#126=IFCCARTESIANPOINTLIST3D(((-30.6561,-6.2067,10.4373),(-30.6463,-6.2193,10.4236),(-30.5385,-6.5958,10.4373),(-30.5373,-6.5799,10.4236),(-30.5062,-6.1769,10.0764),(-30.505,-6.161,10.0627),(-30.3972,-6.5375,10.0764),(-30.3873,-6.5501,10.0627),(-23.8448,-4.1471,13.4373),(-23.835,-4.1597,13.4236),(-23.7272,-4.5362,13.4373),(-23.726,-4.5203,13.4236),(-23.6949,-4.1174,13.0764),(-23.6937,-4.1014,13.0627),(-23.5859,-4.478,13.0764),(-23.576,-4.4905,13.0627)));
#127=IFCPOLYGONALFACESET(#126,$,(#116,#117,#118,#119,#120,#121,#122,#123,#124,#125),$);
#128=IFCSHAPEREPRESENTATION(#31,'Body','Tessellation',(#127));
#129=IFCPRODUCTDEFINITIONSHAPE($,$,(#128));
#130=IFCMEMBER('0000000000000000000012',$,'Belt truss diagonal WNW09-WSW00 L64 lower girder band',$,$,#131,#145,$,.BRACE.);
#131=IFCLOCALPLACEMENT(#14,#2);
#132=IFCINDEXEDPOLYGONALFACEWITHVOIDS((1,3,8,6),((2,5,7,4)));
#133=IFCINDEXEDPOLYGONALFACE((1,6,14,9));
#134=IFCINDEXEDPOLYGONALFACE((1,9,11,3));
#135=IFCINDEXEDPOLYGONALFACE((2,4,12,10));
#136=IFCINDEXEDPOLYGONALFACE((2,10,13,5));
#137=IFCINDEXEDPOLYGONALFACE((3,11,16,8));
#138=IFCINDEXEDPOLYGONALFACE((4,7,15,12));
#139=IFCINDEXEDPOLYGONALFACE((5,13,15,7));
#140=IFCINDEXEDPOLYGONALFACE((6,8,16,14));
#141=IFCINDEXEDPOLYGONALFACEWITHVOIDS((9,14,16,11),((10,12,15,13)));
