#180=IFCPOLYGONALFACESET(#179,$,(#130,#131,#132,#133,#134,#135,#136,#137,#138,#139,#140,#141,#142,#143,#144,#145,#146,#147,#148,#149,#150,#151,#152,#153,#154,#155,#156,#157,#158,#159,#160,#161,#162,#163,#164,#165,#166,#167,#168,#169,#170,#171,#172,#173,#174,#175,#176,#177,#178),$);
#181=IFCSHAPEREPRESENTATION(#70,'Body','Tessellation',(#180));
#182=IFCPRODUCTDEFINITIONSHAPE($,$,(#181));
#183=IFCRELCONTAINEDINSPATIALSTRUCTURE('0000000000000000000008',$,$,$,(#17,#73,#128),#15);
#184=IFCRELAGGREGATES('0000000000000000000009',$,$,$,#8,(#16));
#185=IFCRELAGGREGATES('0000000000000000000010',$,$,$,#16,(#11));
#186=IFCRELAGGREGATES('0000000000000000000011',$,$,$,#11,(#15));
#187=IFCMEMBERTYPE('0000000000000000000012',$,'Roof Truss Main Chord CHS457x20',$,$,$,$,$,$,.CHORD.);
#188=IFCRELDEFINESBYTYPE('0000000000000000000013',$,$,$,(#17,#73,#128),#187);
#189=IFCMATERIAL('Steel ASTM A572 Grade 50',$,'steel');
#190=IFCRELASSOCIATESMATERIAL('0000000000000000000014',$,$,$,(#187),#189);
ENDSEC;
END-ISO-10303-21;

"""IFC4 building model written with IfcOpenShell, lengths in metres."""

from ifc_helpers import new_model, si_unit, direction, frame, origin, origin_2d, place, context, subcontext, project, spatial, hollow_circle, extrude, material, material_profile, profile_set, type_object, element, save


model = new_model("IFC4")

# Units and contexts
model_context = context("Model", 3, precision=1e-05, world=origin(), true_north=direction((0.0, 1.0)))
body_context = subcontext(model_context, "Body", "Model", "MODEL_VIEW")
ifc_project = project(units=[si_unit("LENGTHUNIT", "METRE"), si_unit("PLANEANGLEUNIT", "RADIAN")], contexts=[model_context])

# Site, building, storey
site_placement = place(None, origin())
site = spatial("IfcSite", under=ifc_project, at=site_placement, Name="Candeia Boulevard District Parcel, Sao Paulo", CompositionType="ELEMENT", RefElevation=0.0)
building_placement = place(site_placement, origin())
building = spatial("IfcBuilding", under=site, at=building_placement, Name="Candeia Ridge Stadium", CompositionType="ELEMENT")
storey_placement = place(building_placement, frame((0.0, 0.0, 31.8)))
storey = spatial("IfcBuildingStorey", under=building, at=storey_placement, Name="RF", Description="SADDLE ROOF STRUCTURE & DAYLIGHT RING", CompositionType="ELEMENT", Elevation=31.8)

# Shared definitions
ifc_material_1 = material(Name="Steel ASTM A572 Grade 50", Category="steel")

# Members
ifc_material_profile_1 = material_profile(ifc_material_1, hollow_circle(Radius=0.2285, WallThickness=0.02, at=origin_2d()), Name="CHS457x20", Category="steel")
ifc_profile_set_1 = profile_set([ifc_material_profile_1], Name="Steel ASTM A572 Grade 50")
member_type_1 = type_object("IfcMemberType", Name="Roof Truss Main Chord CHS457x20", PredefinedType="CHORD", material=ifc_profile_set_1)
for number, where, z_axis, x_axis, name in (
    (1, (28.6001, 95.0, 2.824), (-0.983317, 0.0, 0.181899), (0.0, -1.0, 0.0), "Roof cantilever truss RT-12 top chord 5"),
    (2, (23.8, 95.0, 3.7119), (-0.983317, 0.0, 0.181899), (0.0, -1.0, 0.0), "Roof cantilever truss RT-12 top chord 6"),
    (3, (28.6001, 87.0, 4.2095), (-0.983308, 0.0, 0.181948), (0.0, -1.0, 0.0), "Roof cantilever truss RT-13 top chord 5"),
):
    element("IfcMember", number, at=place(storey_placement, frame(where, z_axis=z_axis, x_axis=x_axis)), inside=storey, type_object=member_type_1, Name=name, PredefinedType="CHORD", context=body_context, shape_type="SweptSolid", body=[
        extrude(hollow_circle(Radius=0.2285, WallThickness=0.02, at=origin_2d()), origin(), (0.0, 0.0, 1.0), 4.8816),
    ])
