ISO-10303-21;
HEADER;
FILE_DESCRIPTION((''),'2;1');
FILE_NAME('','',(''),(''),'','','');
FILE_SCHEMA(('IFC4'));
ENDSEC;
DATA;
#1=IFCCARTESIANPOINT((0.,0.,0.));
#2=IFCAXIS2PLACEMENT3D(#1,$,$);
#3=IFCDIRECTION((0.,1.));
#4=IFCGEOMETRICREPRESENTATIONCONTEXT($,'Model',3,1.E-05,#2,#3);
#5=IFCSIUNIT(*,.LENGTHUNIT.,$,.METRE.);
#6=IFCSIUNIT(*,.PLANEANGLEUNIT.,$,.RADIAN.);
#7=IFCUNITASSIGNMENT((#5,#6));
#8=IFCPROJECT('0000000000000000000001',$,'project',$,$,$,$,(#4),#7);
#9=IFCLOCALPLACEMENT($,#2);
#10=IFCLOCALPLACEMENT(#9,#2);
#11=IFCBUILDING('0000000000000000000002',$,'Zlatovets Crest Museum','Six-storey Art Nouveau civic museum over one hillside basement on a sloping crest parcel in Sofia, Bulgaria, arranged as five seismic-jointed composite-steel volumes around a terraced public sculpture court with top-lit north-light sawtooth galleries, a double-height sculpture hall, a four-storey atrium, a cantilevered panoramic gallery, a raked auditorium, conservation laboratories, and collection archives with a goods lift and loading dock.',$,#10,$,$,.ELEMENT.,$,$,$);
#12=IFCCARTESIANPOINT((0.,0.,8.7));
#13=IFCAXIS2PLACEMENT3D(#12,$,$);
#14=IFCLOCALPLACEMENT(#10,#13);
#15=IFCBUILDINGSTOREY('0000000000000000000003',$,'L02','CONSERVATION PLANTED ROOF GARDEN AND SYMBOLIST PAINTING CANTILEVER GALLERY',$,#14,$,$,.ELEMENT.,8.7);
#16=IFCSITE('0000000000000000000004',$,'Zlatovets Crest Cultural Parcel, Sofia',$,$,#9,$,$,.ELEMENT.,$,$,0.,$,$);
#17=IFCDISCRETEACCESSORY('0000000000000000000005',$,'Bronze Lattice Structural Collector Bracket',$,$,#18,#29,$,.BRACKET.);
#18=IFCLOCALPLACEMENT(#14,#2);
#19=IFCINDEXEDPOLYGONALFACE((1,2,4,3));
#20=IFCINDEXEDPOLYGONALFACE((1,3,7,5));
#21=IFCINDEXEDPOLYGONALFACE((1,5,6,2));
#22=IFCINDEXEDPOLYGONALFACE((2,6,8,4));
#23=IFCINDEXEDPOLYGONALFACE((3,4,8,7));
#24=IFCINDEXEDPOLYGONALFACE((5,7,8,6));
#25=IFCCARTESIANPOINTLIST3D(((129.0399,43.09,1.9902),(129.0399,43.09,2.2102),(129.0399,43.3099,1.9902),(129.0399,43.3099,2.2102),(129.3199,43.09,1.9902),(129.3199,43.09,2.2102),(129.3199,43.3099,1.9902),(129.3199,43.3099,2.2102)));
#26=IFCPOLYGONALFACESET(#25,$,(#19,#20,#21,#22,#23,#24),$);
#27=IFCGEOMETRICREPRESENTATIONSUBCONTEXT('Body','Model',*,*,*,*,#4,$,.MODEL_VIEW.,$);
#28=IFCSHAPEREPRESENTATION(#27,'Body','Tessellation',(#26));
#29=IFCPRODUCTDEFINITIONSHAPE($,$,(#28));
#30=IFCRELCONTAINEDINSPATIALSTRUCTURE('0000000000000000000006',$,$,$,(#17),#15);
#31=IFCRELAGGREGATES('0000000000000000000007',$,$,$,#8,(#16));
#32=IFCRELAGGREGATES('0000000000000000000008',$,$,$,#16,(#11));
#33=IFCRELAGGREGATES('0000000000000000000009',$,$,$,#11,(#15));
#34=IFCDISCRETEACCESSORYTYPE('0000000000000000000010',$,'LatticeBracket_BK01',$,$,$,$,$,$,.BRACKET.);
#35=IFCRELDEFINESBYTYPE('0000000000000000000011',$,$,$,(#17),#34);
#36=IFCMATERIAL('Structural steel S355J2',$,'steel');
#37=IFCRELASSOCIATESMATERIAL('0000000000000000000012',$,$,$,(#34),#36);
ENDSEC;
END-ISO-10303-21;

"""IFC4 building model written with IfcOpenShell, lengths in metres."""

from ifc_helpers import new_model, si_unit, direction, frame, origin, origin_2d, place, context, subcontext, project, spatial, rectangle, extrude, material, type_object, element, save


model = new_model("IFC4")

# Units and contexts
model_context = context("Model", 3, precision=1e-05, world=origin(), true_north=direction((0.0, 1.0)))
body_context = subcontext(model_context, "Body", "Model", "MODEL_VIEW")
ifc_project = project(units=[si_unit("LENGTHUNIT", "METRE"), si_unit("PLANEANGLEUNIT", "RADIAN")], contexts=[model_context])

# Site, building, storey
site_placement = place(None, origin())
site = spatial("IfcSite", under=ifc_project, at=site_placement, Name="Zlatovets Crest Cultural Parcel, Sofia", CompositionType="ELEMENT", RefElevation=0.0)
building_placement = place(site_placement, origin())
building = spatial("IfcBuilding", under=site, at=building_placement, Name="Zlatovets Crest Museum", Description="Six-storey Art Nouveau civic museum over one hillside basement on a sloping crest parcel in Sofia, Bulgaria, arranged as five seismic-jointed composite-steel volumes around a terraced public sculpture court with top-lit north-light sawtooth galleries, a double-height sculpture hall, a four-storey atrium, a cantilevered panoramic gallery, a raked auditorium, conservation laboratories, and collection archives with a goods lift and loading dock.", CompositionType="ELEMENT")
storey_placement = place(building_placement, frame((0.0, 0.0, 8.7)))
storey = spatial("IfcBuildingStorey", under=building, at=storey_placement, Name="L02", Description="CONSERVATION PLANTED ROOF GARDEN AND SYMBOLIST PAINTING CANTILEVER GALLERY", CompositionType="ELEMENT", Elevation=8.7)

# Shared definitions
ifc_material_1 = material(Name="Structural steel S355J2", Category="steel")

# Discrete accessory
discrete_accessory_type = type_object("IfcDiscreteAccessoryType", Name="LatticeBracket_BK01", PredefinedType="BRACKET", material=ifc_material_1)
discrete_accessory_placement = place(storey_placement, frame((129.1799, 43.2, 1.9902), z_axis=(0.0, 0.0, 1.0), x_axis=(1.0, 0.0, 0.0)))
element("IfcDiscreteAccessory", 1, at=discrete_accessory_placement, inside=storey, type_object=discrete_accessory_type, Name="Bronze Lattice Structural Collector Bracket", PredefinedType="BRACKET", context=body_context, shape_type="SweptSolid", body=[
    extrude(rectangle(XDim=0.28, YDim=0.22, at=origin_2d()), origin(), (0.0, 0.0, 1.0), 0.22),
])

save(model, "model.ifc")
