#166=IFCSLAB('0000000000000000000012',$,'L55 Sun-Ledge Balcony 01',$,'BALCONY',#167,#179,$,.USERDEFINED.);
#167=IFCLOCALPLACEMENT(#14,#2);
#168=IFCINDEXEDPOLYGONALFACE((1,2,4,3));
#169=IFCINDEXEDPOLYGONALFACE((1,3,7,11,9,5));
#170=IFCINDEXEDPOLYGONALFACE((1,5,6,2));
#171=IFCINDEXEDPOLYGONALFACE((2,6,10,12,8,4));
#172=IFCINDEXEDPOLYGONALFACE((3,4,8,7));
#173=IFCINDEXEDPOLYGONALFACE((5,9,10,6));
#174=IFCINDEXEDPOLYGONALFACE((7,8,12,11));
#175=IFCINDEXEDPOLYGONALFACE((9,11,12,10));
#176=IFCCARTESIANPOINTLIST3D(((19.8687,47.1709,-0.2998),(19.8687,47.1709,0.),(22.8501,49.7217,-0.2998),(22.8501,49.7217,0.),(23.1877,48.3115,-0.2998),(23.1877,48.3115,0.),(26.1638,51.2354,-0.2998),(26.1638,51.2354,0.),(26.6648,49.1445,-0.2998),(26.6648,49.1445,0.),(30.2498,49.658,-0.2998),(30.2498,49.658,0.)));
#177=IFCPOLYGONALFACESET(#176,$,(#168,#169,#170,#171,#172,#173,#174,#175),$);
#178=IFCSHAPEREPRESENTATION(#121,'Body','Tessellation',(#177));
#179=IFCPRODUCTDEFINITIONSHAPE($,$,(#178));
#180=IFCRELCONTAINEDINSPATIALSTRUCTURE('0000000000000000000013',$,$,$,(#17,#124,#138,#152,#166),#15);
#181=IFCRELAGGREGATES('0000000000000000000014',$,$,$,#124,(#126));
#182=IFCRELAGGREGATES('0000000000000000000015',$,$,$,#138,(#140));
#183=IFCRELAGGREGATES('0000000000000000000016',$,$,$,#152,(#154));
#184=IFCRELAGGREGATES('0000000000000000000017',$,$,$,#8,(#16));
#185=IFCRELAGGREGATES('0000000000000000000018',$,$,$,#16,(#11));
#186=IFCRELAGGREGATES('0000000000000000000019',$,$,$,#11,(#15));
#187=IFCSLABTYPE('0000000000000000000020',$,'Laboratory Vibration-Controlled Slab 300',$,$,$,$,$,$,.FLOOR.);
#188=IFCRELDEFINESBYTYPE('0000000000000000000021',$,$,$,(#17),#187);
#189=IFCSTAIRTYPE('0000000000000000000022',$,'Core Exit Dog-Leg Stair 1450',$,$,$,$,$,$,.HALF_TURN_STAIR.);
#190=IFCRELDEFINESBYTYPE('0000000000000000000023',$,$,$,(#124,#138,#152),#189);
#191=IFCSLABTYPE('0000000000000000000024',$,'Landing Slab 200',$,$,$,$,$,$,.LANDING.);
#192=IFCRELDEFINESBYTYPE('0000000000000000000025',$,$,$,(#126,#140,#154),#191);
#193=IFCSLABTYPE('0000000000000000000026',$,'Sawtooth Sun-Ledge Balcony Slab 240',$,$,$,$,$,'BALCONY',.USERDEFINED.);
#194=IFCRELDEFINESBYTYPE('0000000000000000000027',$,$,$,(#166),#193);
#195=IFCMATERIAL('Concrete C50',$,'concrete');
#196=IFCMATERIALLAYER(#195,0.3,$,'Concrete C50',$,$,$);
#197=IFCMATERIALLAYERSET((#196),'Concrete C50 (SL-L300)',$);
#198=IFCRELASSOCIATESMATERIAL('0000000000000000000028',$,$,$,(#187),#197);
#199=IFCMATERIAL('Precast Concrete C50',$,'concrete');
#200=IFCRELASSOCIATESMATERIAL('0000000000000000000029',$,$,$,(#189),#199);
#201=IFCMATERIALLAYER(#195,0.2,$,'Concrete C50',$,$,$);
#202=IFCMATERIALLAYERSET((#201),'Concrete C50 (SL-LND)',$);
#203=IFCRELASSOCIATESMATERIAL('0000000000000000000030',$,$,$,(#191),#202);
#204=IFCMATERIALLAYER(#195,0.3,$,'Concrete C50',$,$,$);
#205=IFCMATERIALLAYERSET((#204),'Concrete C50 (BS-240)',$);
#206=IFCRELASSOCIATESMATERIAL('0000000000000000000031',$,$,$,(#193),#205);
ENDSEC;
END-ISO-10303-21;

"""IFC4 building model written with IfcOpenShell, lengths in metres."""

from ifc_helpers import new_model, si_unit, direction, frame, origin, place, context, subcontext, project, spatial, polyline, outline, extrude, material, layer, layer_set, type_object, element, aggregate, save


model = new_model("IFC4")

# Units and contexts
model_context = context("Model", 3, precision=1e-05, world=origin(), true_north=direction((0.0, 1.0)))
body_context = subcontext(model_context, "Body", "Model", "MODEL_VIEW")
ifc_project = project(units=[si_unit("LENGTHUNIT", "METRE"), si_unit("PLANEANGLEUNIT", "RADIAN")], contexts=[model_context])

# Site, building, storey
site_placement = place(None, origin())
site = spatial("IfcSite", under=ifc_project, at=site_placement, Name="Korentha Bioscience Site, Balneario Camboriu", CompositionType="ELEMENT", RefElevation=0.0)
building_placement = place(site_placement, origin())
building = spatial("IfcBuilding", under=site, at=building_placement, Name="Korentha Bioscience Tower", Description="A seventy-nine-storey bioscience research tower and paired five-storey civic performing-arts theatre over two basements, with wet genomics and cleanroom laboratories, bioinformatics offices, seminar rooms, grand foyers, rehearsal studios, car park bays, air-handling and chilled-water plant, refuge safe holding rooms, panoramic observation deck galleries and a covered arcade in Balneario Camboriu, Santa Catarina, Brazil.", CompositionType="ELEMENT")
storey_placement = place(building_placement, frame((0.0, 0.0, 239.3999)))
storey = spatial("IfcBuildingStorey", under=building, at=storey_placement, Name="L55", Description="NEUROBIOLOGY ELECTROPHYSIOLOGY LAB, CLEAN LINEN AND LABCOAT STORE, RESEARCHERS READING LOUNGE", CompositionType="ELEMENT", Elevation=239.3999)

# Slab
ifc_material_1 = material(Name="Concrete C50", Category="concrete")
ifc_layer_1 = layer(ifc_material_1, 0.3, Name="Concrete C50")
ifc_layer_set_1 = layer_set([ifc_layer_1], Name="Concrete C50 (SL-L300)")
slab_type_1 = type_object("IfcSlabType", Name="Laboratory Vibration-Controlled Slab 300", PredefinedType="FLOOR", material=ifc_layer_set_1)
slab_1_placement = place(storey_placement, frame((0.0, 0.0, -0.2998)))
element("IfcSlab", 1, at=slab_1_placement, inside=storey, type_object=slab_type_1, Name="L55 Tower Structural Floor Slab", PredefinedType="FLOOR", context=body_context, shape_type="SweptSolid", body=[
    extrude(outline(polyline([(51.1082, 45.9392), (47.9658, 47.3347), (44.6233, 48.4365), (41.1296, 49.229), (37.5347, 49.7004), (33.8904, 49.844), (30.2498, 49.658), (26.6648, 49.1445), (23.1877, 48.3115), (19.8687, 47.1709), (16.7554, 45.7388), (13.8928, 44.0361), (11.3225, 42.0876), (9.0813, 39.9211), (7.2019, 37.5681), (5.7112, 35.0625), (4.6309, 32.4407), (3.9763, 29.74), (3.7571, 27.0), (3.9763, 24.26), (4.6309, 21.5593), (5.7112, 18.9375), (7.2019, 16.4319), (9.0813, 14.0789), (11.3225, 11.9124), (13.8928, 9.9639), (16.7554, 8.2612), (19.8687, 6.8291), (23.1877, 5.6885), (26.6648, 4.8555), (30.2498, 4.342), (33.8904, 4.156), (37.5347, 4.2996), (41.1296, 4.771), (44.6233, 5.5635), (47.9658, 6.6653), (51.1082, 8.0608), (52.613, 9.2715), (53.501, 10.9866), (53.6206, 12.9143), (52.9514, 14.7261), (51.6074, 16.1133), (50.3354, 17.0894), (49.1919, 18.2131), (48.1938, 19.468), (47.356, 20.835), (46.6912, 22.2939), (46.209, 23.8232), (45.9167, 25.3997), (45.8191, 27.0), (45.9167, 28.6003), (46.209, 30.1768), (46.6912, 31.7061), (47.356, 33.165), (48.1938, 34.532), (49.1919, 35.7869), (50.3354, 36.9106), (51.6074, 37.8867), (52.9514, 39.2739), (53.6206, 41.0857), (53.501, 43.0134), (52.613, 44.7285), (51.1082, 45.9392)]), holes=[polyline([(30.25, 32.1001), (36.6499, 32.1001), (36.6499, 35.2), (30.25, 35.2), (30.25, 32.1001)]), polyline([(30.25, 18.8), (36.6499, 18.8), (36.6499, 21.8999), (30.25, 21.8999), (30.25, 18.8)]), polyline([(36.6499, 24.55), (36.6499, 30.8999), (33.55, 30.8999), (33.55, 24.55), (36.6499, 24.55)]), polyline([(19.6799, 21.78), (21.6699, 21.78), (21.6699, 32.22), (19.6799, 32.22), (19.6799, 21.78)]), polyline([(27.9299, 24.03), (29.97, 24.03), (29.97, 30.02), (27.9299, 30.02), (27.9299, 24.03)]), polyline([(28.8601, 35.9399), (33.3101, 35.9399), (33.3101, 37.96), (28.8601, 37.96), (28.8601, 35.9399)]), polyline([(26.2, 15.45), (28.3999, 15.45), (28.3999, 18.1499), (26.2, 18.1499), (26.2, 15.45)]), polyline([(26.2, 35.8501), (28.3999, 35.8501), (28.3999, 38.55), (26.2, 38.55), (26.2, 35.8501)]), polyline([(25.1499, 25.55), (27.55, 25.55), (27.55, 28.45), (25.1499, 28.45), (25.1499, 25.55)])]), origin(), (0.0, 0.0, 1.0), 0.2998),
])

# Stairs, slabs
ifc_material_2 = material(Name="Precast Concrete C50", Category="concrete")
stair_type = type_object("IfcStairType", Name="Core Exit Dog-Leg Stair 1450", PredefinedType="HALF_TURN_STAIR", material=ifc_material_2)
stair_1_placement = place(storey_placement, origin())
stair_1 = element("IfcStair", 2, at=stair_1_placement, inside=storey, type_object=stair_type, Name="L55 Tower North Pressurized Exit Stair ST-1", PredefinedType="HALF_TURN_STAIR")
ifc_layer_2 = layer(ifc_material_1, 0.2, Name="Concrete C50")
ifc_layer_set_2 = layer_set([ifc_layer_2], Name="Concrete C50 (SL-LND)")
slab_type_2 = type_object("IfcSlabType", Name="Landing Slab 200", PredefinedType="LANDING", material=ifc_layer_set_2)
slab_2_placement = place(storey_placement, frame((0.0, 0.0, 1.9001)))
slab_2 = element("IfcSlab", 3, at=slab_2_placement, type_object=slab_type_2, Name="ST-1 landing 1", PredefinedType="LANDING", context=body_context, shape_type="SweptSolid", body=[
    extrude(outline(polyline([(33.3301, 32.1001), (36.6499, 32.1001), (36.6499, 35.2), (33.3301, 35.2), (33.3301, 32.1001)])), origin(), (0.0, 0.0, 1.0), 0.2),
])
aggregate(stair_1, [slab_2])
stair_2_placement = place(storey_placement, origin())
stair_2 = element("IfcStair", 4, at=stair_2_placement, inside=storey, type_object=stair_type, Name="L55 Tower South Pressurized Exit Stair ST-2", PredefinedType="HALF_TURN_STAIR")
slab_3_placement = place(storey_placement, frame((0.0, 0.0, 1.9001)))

● ● ● ● ● ● ●

EXERCISE OBJECTIVE.
What belongs in the answer is each line of the listing that contains the word "ASTM".

YOUR RESPONSE.
#189=IFCMATERIAL('Steel ASTM A572 Grade 50',$,'steel');
ifc_material_1 = material(Name="Steel ASTM A572 Grade 50", Category="steel")
ifc_profile_set_1 = profile_set([ifc_material_profile_1], Name="Steel ASTM A572 Grade 50")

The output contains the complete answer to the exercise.